## Exercise instructions
Exact reproduction required: the lines below from the line with "#12=IFCCARTESIANPOINT((0.,0.,43.4399));" to the line with "#16=IFCSITE('0000000000000000000004',$,'Kuala Lumpur City", both ends included, and no others.

Stored data entries
====================

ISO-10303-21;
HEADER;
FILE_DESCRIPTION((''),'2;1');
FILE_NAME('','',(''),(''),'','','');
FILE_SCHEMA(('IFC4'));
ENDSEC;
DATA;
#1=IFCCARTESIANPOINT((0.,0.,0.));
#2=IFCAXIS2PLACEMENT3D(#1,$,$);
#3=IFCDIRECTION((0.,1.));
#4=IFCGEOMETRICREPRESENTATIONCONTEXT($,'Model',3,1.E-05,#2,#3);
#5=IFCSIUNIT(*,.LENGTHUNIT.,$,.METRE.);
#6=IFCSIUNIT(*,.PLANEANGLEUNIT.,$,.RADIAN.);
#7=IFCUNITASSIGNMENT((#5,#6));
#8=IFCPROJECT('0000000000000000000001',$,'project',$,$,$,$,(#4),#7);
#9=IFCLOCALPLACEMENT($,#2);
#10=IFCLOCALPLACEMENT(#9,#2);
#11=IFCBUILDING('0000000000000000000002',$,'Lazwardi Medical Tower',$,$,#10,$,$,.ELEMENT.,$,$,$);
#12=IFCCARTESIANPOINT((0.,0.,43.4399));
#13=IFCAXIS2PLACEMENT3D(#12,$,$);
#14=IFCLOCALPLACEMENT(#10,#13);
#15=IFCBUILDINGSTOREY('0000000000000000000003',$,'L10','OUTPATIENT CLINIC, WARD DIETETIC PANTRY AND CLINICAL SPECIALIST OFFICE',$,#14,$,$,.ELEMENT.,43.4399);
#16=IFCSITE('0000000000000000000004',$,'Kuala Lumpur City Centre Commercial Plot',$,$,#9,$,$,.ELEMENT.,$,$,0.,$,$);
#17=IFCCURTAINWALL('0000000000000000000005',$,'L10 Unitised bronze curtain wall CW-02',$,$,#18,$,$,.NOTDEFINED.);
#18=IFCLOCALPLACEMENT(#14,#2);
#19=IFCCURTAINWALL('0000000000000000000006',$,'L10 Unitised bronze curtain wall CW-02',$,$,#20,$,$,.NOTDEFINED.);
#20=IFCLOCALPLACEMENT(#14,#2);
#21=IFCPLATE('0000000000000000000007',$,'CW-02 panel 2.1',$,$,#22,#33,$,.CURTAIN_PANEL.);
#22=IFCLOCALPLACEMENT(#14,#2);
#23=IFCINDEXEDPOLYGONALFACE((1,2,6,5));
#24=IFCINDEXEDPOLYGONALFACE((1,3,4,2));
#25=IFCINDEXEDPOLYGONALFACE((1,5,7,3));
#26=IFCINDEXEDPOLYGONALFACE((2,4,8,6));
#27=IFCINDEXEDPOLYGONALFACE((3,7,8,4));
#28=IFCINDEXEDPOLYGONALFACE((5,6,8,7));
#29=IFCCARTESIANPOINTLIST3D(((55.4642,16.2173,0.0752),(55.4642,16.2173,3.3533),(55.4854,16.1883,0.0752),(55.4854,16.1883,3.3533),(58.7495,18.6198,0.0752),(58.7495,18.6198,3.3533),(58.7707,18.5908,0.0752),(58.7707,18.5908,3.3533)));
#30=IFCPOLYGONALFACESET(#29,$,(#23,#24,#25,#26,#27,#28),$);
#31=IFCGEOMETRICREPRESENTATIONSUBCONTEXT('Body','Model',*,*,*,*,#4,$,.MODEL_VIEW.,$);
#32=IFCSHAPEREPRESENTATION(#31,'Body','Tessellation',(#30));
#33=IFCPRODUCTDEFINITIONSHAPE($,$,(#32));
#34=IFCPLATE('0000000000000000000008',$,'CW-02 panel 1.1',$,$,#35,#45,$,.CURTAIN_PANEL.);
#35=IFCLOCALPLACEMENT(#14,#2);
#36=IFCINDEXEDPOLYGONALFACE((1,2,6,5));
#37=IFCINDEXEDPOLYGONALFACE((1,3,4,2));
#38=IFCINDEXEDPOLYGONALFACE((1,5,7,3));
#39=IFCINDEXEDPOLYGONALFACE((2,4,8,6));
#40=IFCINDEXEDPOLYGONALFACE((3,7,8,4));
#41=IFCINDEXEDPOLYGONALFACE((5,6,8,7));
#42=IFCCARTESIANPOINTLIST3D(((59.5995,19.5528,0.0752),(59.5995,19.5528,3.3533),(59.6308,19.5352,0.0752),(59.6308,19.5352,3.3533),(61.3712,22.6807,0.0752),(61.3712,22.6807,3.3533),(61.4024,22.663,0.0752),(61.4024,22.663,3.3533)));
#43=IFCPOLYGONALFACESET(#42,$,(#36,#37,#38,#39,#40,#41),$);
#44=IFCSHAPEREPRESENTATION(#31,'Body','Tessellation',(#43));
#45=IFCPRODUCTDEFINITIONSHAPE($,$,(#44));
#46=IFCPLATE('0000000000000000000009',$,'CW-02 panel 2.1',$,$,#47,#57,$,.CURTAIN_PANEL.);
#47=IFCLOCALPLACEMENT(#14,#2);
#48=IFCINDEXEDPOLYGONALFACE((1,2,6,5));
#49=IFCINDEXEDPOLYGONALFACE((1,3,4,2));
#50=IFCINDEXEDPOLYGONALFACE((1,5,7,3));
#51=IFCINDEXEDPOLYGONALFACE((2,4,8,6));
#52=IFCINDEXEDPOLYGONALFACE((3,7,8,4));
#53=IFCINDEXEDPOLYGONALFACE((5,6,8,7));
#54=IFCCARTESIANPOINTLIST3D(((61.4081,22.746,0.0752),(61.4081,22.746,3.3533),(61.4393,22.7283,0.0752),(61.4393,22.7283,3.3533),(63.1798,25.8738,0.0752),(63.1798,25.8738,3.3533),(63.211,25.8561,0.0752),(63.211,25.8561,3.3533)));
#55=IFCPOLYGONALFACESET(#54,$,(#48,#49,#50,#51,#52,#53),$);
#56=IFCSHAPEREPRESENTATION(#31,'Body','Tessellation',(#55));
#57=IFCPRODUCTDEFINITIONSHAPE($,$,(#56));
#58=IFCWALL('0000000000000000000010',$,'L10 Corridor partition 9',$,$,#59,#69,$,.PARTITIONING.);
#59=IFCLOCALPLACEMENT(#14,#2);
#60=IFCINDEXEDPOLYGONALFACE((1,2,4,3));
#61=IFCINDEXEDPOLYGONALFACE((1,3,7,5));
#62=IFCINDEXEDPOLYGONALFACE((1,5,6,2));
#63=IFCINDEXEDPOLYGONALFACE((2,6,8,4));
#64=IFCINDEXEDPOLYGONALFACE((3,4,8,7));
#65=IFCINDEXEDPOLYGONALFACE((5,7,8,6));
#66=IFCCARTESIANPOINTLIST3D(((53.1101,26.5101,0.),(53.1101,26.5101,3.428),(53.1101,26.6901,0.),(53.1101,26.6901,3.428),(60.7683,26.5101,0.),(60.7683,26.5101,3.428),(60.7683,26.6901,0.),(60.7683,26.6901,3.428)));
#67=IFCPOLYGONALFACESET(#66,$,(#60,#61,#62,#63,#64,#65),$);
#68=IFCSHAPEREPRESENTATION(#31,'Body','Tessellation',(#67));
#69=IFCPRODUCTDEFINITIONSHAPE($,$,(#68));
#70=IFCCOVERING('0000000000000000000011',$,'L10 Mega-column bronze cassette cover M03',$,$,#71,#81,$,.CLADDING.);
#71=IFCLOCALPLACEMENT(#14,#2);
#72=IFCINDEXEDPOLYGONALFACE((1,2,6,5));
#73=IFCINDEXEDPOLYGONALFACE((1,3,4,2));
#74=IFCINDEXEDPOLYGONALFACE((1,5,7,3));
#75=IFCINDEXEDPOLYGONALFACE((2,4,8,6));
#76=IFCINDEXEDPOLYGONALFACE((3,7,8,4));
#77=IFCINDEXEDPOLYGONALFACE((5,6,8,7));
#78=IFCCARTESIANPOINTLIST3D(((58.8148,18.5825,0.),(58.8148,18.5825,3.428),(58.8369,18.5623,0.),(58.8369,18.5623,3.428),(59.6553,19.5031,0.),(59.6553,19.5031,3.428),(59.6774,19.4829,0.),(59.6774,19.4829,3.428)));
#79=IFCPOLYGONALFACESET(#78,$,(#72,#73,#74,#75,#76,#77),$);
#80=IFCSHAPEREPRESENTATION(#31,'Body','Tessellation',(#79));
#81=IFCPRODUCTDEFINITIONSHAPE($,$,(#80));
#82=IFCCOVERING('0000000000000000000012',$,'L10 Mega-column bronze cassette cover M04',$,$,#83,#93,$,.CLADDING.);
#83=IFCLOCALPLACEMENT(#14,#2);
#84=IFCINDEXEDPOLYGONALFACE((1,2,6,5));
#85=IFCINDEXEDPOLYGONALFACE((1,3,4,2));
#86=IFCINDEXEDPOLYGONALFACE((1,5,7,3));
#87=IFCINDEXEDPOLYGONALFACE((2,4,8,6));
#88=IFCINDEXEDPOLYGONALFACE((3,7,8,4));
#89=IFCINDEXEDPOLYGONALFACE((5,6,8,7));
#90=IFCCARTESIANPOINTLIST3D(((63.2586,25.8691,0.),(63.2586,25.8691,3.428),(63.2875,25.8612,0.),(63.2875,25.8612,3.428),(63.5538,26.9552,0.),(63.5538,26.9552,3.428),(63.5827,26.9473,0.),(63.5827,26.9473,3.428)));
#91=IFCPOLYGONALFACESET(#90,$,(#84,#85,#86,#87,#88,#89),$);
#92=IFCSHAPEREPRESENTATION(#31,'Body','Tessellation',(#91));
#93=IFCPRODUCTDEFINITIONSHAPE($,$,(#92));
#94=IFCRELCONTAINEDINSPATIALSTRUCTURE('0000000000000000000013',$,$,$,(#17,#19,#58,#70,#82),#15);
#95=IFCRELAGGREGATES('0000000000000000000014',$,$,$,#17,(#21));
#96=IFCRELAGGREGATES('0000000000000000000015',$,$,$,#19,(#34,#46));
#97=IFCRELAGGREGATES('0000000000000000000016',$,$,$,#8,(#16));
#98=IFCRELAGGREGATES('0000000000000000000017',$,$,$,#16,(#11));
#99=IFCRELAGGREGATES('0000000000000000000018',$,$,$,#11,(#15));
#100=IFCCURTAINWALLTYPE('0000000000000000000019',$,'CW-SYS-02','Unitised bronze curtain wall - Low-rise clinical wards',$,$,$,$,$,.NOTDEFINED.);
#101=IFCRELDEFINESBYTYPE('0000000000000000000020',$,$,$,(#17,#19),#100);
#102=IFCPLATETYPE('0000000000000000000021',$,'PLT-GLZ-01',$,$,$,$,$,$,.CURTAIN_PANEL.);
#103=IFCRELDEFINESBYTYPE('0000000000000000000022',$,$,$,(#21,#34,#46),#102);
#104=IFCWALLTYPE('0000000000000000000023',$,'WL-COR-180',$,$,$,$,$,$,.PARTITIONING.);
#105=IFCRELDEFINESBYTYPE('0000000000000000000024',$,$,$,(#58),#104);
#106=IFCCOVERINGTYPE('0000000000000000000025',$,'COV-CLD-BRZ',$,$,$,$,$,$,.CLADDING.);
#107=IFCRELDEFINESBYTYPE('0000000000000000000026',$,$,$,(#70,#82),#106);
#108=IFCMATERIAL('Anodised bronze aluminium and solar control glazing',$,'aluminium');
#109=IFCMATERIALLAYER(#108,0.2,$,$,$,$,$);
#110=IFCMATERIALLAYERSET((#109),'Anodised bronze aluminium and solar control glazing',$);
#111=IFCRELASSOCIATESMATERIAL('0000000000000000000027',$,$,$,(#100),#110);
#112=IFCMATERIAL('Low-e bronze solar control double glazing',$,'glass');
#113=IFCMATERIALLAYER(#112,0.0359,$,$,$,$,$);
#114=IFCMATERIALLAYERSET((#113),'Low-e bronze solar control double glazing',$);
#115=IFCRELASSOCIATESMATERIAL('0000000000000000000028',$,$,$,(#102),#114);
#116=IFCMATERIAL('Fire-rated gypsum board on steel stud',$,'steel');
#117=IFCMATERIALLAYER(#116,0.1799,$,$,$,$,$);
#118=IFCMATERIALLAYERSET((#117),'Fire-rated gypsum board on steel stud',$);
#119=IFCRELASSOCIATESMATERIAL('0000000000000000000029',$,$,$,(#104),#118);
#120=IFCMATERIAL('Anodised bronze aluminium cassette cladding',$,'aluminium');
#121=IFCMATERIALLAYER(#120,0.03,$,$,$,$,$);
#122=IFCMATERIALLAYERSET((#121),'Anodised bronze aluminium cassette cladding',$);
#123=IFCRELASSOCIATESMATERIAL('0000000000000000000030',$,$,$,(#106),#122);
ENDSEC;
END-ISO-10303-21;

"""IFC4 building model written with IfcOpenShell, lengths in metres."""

from ifc_helpers import new_model, si_unit, direction, frame, frame_2d, origin, origin_2d, place, context, subcontext, project, spatial, rectangle, extrude, material, layer, layer_set, type_object, element, aggregate, save


model = new_model("IFC4")

# Units and contexts
model_context = context("Model", 3, precision=1e-05, world=origin(), true_north=direction((0.0, 1.0)))
body_context = subcontext(model_context, "Body", "Model", "MODEL_VIEW")
ifc_project = project(units=[si_unit("LENGTHUNIT", "METRE"), si_unit("PLANEANGLEUNIT", "RADIAN")], contexts=[model_context])

# Site, building, storey
site_placement = place(None, origin())
site = spatial("IfcSite", under=ifc_project, at=site_placement, Name="Kuala Lumpur City Centre Commercial Plot", CompositionType="ELEMENT", RefElevation=0.0)
building_placement = place(site_placement, origin())
building = spatial("IfcBuilding", under=site, at=building_placement, Name="Lazwardi Medical Tower", CompositionType="ELEMENT")
storey_placement = place(building_placement, frame((0.0, 0.0, 43.4399)))
storey = spatial("IfcBuildingStorey", under=building, at=storey_placement, Name="L10", Description="OUTPATIENT CLINIC, WARD DIETETIC PANTRY AND CLINICAL SPECIALIST OFFICE", CompositionType="ELEMENT", Elevation=43.4399)

# Curtain wall
ifc_material_1 = material(Name="Anodised bronze aluminium and solar control glazing", Category="aluminium")
ifc_layer_1 = layer(ifc_material_1, 0.2)
ifc_layer_set_1 = layer_set([ifc_layer_1], Name="Anodised bronze aluminium and solar control glazing")
curtain_wall_type = type_object("IfcCurtainWallType", Name="CW-SYS-02", Description="Unitised bronze curtain wall - Low-rise clinical wards", PredefinedType="NOTDEFINED", material=ifc_layer_set_1)
curtain_wall_1_placement = place(storey_placement, origin())
curtain_wall_1 = element("IfcCurtainWall", 1, at=curtain_wall_1_placement, inside=storey, type_object=curtain_wall_type, Name="L10 Unitised bronze curtain wall CW-02", PredefinedType="NOTDEFINED")

# Curtain wall
curtain_wall_2_placement = place(storey_placement, origin())
curtain_wall_2 = element("IfcCurtainWall", 2, at=curtain_wall_2_placement, inside=storey, type_object=curtain_wall_type, Name="L10 Unitised bronze curtain wall CW-02", PredefinedType="NOTDEFINED")

# Plates
ifc_material_2 = material(Name="Low-e bronze solar control double glazing", Category="glass")
ifc_layer_2 = layer(ifc_material_2, 0.0359)
ifc_layer_set_2 = layer_set([ifc_layer_2], Name="Low-e bronze solar control double glazing")
plate_type = type_object("IfcPlateType", Name="PLT-GLZ-01", PredefinedType="CURTAIN_PANEL", material=ifc_layer_set_2)
plate_1_placement = place(storey_placement, frame((57.1174, 17.4041, 0.0752), z_axis=(0.0, 0.0, 1.0), x_axis=(0.807192, 0.590289, 0.0)))
plate_1 = element("IfcPlate", 3, at=plate_1_placement, type_object=plate_type, Name="CW-02 panel 2.1", PredefinedType="CURTAIN_PANEL", context=body_context, shape_type="SweptSolid", body=[
    extrude(rectangle(XDim=4.0701, YDim=0.0359, at=origin_2d()), origin(), (0.0, 0.0, 1.0), 3.2781),
])
aggregate(curtain_wall_1, [plate_1])
plate_2_placement = place(storey_placement, frame((60.501, 21.1079, 0.0752), z_axis=(0.0, 0.0, 1.0), x_axis=(0.492854, 0.870112, 0.0)))
plate_2 = element("IfcPlate", 4, at=plate_2_placement, type_object=plate_type, Name="CW-02 panel 1.1", PredefinedType="CURTAIN_PANEL", context=body_context, shape_type="SweptSolid", body=[
    extrude(rectangle(XDim=3.5947, YDim=0.0359, at=origin_2d()), origin(), (0.0, 0.0, 1.0), 3.2781),
])
plate_3_placement = place(storey_placement, frame((62.3096, 24.301, 0.0752), z_axis=(0.0, 0.0, 1.0), x_axis=(0.492854, 0.870112, 0.0)))
plate_3 = element("IfcPlate", 5, at=plate_3_placement, type_object=plate_type, Name="CW-02 panel 2.1", PredefinedType="CURTAIN_PANEL", context=body_context, shape_type="SweptSolid", body=[
    extrude(rectangle(XDim=3.5947, YDim=0.0359, at=origin_2d()), origin(), (0.0, 0.0, 1.0), 3.2781),
])
aggregate(curtain_wall_2, [plate_2, plate_3])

====================

## Answer to this task
#12=IFCCARTESIANPOINT((0.,0.,43.4399));
#13=IFCAXIS2PLACEMENT3D(#12,$,$);
#14=IFCLOCALPLACEMENT(#10,#13);
#15=IFCBUILDINGSTOREY('0000000000000000000003',$,'L10','OUTPATIENT CLINIC, WARD DIETETIC PANTRY AND CLINICAL SPECIALIST OFFICE',$,#14,$,$,.ELEMENT.,43.4399);
#16=IFCSITE('0000000000000000000004',$,'Kuala Lumpur City Centre Commercial Plot',$,$,#9,$,$,.ELEMENT.,$,$,0.,$,$);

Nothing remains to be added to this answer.